WHAT YOU NEED TO DO | After locating the line with "#37=IFCINDEXEDPOLYGONALFACE((5,7,8,6));" in the data that follows, return it and every later line exactly, up to and including the line with "#41=IFCPRODUCTDEFINITIONSHAPE($,$,(#40));".

DATASET RECORDS |

● ● ● ● ●

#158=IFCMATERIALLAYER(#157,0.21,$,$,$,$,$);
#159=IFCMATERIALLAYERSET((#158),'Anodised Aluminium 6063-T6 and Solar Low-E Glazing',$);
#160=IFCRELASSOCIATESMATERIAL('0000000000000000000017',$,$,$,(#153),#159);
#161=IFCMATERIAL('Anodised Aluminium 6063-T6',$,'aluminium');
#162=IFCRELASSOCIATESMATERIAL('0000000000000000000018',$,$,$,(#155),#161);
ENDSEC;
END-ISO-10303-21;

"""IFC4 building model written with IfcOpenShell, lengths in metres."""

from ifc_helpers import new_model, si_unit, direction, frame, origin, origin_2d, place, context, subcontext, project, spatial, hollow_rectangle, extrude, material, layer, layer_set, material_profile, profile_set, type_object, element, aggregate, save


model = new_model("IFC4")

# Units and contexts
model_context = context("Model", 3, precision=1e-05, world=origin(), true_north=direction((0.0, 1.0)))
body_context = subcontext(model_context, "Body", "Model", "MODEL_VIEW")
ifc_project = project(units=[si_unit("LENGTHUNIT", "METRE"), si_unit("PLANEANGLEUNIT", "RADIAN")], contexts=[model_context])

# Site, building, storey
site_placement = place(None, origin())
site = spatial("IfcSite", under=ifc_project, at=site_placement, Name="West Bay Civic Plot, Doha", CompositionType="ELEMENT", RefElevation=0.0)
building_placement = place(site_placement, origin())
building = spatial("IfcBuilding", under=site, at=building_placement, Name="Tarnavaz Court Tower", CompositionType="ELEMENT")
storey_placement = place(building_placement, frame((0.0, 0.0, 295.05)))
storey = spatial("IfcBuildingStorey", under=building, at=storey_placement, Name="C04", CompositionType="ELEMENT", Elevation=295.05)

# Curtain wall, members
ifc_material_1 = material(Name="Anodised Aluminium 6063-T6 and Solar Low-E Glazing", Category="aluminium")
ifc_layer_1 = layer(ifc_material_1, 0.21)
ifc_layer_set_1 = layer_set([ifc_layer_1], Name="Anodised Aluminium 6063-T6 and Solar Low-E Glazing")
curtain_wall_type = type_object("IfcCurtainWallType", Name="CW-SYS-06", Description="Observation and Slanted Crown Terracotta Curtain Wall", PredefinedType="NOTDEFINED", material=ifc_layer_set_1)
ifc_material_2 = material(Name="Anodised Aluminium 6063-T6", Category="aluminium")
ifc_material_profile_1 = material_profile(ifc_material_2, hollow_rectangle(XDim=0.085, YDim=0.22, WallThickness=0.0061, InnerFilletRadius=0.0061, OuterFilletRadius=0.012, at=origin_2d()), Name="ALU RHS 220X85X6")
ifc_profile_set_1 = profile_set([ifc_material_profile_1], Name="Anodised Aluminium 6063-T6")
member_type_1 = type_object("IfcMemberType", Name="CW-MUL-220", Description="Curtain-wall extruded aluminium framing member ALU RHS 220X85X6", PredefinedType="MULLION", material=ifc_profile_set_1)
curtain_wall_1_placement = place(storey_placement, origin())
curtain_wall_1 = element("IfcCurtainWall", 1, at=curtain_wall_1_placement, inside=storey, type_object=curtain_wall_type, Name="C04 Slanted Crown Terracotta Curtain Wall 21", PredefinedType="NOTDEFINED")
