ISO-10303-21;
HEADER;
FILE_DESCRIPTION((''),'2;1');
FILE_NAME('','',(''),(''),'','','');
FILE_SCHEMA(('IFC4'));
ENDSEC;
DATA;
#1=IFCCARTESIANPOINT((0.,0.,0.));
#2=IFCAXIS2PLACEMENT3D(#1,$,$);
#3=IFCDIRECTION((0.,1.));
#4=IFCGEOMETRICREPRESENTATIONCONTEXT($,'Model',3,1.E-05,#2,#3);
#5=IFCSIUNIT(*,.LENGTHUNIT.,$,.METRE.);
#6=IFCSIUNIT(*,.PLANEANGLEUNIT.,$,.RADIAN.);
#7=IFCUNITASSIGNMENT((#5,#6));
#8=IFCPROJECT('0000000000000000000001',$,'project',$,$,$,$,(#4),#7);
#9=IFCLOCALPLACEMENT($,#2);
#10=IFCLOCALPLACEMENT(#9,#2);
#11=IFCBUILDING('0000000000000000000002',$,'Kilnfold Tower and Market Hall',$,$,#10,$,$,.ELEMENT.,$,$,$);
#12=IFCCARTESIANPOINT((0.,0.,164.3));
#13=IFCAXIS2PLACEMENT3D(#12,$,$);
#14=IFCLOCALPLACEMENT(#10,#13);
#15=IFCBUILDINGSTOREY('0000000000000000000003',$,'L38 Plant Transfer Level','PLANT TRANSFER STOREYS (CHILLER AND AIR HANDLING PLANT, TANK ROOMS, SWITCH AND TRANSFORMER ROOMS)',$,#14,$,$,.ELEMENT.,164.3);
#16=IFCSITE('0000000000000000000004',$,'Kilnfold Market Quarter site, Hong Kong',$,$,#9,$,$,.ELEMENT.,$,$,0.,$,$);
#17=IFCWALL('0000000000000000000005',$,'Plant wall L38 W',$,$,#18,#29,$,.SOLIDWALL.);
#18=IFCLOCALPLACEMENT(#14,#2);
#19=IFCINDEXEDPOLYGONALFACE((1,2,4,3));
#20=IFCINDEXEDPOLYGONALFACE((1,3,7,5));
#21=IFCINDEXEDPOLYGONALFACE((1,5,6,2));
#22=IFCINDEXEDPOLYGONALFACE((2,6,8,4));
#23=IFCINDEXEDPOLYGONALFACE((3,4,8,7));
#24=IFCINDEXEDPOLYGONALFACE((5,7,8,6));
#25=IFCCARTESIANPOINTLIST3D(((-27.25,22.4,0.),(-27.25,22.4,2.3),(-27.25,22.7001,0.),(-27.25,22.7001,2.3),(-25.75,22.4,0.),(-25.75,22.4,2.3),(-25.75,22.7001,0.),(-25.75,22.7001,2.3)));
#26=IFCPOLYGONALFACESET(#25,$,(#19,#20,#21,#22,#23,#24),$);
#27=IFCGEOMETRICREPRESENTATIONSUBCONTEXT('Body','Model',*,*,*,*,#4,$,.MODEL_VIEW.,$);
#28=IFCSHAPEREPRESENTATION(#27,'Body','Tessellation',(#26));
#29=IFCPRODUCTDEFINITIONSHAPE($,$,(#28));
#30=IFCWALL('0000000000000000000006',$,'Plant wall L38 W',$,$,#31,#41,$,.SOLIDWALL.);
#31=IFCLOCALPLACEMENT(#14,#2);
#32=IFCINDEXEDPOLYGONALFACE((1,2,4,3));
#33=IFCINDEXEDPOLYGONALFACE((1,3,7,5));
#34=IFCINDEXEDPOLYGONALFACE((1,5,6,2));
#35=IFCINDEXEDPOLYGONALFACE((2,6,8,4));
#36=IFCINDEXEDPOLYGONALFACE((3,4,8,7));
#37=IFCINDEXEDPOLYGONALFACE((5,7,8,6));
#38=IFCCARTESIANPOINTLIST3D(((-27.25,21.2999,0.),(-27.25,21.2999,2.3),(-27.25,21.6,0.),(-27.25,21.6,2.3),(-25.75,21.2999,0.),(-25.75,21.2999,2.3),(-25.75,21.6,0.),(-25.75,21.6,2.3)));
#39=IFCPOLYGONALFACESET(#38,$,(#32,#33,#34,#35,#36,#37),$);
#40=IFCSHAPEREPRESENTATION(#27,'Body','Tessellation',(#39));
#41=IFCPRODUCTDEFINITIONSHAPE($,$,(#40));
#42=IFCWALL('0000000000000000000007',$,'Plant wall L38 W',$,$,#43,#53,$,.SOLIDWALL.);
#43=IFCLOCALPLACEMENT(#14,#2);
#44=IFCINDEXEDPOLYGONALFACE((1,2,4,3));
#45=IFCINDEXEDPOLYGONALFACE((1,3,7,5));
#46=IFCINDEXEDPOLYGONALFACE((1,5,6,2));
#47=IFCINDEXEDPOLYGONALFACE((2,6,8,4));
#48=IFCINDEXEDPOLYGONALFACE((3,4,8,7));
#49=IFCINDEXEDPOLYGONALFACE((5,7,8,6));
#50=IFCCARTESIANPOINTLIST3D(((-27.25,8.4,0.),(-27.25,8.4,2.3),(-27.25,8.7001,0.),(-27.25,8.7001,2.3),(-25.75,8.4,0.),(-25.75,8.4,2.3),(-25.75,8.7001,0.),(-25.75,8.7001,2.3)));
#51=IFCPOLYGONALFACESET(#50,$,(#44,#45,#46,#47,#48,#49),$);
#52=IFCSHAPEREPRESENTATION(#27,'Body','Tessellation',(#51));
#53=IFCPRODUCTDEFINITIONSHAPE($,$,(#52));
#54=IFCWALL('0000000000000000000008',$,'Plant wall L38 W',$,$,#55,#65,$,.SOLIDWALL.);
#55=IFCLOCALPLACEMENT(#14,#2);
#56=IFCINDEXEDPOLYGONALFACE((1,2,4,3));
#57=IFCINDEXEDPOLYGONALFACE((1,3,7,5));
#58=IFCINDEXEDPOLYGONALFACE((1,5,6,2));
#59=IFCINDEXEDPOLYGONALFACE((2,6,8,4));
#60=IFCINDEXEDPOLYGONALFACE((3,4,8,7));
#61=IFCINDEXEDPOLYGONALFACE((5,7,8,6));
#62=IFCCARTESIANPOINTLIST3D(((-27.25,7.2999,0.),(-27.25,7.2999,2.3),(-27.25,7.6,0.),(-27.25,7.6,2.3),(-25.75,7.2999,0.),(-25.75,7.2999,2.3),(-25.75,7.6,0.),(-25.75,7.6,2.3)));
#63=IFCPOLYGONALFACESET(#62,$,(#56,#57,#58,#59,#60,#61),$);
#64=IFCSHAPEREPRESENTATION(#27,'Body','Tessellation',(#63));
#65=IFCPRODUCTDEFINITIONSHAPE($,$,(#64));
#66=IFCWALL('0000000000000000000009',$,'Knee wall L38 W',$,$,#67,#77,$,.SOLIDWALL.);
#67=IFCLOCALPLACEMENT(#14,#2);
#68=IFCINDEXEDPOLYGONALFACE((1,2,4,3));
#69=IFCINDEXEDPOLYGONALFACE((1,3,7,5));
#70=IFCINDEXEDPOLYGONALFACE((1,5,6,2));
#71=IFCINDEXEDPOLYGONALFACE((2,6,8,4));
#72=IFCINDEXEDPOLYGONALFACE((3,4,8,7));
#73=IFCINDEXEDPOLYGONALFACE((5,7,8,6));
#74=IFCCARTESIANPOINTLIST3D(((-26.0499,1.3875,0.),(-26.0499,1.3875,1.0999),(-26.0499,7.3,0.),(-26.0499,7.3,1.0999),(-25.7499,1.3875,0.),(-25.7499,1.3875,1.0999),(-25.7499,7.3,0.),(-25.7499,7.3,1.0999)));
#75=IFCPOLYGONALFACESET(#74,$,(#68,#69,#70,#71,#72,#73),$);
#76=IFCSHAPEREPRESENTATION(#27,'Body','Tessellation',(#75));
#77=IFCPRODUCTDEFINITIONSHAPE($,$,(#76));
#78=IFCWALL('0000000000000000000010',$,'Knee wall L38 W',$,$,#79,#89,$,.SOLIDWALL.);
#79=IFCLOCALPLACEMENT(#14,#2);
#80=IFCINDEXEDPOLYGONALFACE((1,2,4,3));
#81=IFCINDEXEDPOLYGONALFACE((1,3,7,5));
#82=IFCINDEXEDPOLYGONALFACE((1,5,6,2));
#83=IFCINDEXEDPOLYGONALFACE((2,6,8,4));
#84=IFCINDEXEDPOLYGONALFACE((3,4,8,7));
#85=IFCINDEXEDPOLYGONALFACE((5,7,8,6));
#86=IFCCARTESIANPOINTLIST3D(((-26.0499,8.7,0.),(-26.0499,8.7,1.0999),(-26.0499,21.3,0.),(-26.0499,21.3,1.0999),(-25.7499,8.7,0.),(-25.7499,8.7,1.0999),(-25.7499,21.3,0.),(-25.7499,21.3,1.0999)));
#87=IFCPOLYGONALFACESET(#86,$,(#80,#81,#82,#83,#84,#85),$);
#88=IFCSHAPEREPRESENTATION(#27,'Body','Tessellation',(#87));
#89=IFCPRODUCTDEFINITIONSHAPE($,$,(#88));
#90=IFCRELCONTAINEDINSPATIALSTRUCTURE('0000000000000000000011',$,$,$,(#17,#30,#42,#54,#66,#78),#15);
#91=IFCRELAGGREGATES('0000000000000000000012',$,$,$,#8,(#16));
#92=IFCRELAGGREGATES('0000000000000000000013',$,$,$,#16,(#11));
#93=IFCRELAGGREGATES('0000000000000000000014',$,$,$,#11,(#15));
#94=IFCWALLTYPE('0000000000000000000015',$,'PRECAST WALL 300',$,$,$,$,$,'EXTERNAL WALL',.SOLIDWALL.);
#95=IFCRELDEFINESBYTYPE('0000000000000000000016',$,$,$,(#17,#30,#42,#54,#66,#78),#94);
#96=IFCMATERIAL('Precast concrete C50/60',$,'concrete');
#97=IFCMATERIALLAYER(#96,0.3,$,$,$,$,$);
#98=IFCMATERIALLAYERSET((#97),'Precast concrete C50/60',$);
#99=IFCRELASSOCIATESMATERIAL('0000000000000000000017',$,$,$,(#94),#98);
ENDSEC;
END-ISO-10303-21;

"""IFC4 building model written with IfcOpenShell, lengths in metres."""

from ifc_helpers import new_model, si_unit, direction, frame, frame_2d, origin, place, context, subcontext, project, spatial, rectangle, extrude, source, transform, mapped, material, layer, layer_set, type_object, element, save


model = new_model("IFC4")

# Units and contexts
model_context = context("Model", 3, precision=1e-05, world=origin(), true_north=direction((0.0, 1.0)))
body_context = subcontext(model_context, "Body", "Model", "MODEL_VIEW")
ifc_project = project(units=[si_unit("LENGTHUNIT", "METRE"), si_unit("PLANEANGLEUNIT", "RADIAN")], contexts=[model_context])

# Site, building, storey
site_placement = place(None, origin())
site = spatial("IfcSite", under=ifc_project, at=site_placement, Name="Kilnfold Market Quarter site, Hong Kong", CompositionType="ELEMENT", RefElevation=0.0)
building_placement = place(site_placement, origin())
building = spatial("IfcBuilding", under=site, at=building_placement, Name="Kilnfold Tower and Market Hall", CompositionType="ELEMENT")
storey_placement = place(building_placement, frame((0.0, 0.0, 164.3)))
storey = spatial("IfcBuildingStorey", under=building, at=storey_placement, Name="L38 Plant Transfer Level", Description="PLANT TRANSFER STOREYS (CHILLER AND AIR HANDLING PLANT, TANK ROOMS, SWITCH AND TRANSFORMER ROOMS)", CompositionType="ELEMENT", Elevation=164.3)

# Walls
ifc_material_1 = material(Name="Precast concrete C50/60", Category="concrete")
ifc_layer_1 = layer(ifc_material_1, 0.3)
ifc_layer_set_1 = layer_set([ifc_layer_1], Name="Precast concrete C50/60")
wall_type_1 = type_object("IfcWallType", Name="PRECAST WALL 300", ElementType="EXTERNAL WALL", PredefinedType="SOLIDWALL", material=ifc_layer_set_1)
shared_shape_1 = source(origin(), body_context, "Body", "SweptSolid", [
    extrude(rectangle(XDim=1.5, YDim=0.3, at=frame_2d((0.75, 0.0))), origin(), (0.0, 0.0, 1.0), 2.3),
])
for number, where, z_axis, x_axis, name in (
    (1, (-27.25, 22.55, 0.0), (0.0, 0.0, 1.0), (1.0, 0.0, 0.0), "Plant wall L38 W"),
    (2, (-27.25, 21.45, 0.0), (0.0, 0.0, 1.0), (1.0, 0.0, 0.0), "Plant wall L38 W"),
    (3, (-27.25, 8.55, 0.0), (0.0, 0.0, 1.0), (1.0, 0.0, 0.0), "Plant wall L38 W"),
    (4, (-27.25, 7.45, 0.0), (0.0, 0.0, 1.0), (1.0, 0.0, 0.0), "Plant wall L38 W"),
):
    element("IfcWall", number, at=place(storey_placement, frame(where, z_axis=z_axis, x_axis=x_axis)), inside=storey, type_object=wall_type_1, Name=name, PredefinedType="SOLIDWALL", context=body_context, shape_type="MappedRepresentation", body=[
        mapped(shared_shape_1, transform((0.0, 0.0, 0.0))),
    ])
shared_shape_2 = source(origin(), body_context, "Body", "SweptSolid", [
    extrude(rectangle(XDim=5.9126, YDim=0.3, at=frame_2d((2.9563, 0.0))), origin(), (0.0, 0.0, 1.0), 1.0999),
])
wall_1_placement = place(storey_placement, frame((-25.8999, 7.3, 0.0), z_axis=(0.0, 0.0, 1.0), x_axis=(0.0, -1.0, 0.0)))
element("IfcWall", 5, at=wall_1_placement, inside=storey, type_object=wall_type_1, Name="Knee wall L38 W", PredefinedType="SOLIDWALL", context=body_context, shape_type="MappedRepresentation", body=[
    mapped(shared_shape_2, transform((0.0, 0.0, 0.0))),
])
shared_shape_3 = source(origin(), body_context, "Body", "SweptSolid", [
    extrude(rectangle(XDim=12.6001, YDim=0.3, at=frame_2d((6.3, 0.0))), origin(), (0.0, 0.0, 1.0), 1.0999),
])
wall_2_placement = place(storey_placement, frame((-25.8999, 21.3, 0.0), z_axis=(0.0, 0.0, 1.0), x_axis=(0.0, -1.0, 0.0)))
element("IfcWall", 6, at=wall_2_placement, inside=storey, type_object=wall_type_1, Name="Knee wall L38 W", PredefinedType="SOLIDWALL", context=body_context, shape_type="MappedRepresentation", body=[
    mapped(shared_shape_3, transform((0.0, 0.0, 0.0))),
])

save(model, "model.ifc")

● ● ● ● ●

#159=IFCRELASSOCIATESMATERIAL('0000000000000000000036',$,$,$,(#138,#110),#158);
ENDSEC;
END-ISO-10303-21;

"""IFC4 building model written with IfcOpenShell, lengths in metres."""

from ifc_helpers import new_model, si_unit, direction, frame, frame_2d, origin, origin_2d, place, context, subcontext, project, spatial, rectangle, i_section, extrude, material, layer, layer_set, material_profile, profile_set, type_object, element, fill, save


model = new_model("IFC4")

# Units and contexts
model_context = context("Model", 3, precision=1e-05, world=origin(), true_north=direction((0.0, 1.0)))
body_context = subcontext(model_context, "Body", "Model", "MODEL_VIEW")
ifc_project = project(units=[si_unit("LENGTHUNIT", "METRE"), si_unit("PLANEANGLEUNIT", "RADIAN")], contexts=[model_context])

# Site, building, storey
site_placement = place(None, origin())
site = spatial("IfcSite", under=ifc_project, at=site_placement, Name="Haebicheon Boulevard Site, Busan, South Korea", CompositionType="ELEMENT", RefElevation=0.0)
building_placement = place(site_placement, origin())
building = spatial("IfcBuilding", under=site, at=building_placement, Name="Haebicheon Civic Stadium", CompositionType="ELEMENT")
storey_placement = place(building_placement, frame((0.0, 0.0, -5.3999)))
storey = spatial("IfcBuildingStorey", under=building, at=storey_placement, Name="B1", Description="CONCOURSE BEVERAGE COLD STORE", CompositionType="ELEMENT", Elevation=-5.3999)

● ● ● ● ●

SOLUTION TO THIS EXERCISE |
#37=IFCINDEXEDPOLYGONALFACE((5,7,8,6));
#38=IFCCARTESIANPOINTLIST3D(((-27.25,21.2999,0.),(-27.25,21.2999,2.3),(-27.25,21.6,0.),(-27.25,21.6,2.3),(-25.75,21.2999,0.),(-25.75,21.2999,2.3),(-25.75,21.6,0.),(-25.75,21.6,2.3)));
#39=IFCPOLYGONALFACESET(#38,$,(#32,#33,#34,#35,#36,#37),$);
#40=IFCSHAPEREPRESENTATION(#27,'Body','Tessellation',(#39));
#41=IFCPRODUCTDEFINITIONSHAPE($,$,(#40));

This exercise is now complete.